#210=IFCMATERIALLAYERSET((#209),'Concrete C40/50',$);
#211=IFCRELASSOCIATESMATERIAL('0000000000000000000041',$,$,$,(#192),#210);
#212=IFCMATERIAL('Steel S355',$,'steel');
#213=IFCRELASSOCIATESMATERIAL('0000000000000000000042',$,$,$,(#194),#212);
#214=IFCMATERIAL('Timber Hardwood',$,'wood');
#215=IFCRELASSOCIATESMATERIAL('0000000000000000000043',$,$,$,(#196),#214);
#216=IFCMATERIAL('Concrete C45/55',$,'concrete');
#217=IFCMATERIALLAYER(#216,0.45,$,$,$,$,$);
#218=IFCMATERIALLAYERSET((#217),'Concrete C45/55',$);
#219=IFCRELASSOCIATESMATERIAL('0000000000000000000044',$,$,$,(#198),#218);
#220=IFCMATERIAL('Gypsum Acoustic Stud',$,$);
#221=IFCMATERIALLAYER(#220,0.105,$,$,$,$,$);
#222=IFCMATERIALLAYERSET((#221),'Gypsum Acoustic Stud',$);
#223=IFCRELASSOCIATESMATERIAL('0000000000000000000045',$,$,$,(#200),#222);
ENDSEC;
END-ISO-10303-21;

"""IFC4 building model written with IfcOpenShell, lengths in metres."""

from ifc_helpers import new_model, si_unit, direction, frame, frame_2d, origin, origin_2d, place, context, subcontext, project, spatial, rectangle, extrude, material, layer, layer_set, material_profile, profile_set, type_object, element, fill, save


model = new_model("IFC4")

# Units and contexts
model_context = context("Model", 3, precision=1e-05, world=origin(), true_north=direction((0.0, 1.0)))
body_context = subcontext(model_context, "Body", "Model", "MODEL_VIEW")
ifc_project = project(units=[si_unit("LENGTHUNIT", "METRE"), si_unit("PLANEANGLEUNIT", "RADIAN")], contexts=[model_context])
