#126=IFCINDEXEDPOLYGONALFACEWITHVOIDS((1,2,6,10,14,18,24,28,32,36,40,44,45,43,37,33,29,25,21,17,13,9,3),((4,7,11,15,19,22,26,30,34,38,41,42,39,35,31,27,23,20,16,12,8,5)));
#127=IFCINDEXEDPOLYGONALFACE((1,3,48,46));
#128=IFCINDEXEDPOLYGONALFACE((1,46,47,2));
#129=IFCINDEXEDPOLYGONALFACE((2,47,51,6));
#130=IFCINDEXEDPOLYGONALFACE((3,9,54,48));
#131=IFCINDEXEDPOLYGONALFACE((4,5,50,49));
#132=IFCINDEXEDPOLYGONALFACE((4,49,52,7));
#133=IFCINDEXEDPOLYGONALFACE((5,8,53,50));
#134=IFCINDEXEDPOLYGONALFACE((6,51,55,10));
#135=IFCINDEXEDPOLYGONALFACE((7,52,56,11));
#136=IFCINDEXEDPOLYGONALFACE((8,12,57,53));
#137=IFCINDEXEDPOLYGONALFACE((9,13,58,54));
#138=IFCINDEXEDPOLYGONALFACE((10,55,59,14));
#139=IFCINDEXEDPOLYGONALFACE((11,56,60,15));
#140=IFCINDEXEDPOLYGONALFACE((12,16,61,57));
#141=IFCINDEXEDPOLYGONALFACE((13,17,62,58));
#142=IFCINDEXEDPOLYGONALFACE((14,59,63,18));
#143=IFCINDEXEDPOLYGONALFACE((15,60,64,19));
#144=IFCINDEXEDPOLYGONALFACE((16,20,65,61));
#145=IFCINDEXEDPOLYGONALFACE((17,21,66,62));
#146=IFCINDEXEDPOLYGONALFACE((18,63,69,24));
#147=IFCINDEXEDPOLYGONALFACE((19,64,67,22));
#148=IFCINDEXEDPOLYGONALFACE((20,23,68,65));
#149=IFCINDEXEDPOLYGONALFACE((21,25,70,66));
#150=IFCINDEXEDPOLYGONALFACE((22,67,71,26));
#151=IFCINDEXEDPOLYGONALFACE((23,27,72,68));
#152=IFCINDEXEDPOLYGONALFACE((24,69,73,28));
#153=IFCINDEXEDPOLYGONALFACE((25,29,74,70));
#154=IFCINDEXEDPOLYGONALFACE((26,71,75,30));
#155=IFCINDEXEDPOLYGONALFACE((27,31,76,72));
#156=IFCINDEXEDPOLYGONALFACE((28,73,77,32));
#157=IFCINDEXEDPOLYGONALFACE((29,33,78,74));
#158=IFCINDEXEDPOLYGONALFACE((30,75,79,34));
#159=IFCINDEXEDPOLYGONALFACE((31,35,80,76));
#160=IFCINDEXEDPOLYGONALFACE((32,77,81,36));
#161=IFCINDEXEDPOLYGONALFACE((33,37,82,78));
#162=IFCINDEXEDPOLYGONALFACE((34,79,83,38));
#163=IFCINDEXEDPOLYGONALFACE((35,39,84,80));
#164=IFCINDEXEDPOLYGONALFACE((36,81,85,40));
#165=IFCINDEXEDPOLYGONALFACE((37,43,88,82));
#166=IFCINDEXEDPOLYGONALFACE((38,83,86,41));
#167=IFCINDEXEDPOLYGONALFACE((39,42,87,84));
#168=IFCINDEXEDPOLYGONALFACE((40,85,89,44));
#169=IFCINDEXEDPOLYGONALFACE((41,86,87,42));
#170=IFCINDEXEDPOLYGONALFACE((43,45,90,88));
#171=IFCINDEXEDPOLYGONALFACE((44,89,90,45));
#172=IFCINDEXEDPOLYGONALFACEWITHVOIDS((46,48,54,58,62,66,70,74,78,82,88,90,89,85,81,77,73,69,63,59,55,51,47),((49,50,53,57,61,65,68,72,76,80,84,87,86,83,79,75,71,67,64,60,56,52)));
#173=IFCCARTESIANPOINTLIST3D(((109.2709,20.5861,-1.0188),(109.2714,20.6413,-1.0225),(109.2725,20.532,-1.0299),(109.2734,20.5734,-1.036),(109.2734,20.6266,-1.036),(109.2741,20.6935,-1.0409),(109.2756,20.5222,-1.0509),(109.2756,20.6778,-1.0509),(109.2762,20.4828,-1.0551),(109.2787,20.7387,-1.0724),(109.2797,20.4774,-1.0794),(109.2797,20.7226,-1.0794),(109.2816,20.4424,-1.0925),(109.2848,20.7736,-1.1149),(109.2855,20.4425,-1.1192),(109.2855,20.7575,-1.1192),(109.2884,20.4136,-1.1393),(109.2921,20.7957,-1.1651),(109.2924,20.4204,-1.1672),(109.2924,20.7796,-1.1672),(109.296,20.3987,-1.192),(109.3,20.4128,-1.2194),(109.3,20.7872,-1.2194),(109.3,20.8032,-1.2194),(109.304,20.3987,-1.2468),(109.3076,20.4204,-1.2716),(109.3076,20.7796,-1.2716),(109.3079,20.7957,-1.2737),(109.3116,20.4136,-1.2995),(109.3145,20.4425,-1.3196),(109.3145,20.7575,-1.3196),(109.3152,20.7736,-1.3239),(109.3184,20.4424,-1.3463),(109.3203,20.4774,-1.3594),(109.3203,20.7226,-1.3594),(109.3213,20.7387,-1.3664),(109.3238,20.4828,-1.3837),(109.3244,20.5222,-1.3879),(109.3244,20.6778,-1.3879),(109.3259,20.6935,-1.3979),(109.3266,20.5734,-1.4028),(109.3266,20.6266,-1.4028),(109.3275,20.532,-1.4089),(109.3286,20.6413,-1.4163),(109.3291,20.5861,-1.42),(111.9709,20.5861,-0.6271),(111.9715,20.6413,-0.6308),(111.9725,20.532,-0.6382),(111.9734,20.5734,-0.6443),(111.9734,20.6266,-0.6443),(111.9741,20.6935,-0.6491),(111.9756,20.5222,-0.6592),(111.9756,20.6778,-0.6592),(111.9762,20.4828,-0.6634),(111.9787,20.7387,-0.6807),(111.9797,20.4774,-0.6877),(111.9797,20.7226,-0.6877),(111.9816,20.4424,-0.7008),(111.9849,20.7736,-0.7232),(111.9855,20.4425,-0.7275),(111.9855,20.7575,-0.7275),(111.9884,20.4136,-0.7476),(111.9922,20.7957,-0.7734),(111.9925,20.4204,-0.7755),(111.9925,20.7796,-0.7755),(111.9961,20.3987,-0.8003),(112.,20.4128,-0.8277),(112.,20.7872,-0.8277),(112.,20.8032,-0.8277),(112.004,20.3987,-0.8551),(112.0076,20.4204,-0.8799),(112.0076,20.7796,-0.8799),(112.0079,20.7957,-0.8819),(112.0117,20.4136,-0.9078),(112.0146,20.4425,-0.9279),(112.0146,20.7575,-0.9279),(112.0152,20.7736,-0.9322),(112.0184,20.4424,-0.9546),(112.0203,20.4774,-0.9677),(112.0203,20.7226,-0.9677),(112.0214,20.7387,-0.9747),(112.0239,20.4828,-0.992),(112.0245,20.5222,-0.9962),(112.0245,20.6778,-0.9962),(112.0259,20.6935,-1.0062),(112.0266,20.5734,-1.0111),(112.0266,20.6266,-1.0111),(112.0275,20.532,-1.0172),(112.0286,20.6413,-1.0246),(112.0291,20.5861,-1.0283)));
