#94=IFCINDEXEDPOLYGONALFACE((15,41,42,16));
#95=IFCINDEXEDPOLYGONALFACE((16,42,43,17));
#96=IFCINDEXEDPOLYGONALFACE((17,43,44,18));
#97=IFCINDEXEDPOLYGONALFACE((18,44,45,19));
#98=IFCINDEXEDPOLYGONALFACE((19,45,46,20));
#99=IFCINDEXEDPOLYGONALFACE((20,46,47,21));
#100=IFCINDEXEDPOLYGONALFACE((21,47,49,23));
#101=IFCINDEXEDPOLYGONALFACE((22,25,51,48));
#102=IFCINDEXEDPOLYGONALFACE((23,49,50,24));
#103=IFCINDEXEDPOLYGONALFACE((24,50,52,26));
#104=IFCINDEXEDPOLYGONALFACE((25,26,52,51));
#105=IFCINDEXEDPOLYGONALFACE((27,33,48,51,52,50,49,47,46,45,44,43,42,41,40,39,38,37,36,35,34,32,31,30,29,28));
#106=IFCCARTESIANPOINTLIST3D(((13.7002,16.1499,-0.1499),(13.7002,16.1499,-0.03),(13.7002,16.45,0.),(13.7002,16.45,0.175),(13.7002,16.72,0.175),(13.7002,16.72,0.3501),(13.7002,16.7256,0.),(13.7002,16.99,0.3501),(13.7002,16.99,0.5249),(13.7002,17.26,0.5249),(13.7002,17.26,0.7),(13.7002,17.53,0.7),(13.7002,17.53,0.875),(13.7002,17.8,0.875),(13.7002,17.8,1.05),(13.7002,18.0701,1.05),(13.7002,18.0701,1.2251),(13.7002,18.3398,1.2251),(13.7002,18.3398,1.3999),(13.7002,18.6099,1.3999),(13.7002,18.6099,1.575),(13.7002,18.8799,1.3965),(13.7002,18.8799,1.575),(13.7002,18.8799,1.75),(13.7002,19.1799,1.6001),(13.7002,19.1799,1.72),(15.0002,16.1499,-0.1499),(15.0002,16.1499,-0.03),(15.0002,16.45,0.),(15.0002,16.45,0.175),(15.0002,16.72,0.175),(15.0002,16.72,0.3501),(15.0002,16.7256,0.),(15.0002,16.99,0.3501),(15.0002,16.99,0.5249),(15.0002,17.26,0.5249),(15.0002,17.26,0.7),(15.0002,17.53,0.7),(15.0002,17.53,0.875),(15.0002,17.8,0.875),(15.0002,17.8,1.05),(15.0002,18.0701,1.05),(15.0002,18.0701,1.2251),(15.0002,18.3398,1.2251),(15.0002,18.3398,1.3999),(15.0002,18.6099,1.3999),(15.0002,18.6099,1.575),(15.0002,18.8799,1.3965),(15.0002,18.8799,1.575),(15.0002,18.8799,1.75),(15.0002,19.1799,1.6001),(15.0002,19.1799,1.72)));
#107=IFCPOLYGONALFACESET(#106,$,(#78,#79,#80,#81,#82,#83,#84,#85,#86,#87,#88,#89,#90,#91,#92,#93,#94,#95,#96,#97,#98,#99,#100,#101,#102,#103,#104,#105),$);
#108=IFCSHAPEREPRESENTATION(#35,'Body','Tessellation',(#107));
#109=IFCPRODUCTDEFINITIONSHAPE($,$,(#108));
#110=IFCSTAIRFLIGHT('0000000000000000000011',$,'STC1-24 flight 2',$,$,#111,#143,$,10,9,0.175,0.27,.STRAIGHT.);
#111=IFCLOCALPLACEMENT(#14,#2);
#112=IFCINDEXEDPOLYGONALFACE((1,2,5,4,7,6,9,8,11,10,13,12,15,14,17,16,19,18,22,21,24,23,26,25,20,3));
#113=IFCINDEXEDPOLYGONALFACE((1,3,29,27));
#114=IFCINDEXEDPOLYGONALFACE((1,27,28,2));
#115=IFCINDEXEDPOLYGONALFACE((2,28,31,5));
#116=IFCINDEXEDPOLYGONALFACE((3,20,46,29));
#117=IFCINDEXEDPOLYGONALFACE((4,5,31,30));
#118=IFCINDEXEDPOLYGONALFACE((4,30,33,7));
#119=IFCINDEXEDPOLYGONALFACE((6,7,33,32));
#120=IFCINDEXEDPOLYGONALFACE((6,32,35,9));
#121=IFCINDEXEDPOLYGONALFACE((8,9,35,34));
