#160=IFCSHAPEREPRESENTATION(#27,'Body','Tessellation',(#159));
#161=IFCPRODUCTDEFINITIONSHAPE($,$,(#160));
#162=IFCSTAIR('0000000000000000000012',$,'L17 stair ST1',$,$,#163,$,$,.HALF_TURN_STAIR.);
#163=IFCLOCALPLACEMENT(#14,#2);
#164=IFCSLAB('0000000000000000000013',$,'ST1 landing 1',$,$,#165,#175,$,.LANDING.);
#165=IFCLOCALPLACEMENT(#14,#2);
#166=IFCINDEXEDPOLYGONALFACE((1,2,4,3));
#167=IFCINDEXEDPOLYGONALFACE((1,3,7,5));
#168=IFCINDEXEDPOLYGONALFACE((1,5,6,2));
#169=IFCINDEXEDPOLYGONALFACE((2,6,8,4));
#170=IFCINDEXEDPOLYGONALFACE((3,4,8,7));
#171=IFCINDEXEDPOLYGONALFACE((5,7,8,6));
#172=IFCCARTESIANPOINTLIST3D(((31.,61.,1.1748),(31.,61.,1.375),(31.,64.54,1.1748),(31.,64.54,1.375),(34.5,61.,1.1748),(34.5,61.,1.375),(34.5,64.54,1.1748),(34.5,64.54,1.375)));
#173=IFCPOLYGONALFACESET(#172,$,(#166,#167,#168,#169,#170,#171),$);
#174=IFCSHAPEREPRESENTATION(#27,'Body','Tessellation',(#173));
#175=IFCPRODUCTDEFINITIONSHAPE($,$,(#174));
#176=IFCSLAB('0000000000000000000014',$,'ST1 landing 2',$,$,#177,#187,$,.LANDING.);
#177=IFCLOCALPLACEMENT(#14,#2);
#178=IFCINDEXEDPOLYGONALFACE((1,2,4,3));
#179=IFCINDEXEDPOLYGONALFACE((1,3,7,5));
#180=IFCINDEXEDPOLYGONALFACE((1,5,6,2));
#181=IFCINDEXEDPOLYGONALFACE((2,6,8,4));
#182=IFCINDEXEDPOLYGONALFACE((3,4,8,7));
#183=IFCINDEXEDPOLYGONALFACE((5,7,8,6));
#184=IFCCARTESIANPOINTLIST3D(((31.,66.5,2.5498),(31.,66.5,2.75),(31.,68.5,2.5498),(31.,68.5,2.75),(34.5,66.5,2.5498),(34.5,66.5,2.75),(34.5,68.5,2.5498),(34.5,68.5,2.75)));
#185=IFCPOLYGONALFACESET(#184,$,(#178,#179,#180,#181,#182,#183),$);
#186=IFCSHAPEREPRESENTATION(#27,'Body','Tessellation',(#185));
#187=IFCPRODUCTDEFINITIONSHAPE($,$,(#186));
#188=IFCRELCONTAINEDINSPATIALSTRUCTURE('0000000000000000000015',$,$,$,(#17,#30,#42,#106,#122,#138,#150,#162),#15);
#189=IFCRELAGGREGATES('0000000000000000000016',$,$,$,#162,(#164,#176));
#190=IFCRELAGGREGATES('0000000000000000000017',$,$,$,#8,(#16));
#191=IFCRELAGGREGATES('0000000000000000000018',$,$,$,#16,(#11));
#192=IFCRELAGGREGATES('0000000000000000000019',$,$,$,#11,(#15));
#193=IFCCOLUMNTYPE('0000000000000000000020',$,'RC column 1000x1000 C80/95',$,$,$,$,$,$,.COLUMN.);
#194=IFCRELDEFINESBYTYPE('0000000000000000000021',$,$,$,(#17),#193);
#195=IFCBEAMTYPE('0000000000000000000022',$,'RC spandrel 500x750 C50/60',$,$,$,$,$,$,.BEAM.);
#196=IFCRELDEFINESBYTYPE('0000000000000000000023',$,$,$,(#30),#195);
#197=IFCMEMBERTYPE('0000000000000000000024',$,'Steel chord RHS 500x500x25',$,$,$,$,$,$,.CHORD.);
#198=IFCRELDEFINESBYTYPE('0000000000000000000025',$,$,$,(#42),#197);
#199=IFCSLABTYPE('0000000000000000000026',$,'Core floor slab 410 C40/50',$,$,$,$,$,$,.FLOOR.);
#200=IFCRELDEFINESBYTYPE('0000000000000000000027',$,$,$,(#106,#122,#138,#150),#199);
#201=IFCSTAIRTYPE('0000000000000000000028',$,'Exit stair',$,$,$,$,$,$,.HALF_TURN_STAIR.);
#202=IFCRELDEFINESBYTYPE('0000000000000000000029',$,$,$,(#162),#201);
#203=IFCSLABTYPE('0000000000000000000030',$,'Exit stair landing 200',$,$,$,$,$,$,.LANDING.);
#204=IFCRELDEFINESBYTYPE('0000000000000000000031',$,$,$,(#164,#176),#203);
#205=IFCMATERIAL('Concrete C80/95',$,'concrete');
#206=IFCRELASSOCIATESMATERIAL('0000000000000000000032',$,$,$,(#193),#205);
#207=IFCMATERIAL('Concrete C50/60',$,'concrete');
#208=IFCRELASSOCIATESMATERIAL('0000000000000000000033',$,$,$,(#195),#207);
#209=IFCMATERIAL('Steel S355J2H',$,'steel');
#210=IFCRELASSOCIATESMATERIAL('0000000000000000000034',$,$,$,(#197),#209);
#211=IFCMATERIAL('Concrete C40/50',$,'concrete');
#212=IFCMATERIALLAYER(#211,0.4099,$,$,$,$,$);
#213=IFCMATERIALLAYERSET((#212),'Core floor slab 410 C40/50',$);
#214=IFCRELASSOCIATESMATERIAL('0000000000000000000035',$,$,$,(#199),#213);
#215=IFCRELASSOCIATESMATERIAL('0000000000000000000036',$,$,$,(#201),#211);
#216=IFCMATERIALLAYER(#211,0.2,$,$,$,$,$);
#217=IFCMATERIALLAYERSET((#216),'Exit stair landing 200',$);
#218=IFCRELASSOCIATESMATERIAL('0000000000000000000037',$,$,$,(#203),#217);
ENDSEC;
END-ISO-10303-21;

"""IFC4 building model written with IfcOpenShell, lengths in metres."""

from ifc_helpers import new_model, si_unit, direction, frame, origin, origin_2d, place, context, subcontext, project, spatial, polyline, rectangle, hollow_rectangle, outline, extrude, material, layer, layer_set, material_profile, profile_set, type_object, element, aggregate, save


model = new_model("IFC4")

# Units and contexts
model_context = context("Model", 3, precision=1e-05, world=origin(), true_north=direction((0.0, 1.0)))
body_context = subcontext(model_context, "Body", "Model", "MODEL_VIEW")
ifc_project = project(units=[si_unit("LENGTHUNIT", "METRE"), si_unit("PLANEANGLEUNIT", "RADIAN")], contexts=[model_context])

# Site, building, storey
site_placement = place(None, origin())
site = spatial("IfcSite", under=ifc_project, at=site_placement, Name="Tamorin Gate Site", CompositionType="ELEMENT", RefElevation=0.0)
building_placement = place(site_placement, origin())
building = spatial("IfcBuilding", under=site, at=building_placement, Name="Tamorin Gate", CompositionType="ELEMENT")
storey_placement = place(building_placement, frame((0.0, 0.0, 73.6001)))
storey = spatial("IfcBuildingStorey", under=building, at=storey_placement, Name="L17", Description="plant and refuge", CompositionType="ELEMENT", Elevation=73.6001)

• • • • • • •

> _EXERCISE PROMPT_
Looking at the data above, return every line from the one with "#182=IFCINDEXEDPOLYGONALFACE((3,4,8,7));" down to the one with "column 1000x1000 C80/95',$,$,$,$,$,$,.COLUMN.);", exactly and inclusively.

> _FINAL ANSWER_
#182=IFCINDEXEDPOLYGONALFACE((3,4,8,7));
#183=IFCINDEXEDPOLYGONALFACE((5,7,8,6));
#184=IFCCARTESIANPOINTLIST3D(((31.,66.5,2.5498),(31.,66.5,2.75),(31.,68.5,2.5498),(31.,68.5,2.75),(34.5,66.5,2.5498),(34.5,66.5,2.75),(34.5,68.5,2.5498),(34.5,68.5,2.75)));
#185=IFCPOLYGONALFACESET(#184,$,(#178,#179,#180,#181,#182,#183),$);
#186=IFCSHAPEREPRESENTATION(#27,'Body','Tessellation',(#185));
#187=IFCPRODUCTDEFINITIONSHAPE($,$,(#186));
#188=IFCRELCONTAINEDINSPATIALSTRUCTURE('0000000000000000000015',$,$,$,(#17,#30,#42,#106,#122,#138,#150,#162),#15);
#189=IFCRELAGGREGATES('0000000000000000000016',$,$,$,#162,(#164,#176));
#190=IFCRELAGGREGATES('0000000000000000000017',$,$,$,#8,(#16));
#191=IFCRELAGGREGATES('0000000000000000000018',$,$,$,#16,(#11));
#192=IFCRELAGGREGATES('0000000000000000000019',$,$,$,#11,(#15));
#193=IFCCOLUMNTYPE('0000000000000000000020',$,'RC column 1000x1000 C80/95',$,$,$,$,$,$,.COLUMN.);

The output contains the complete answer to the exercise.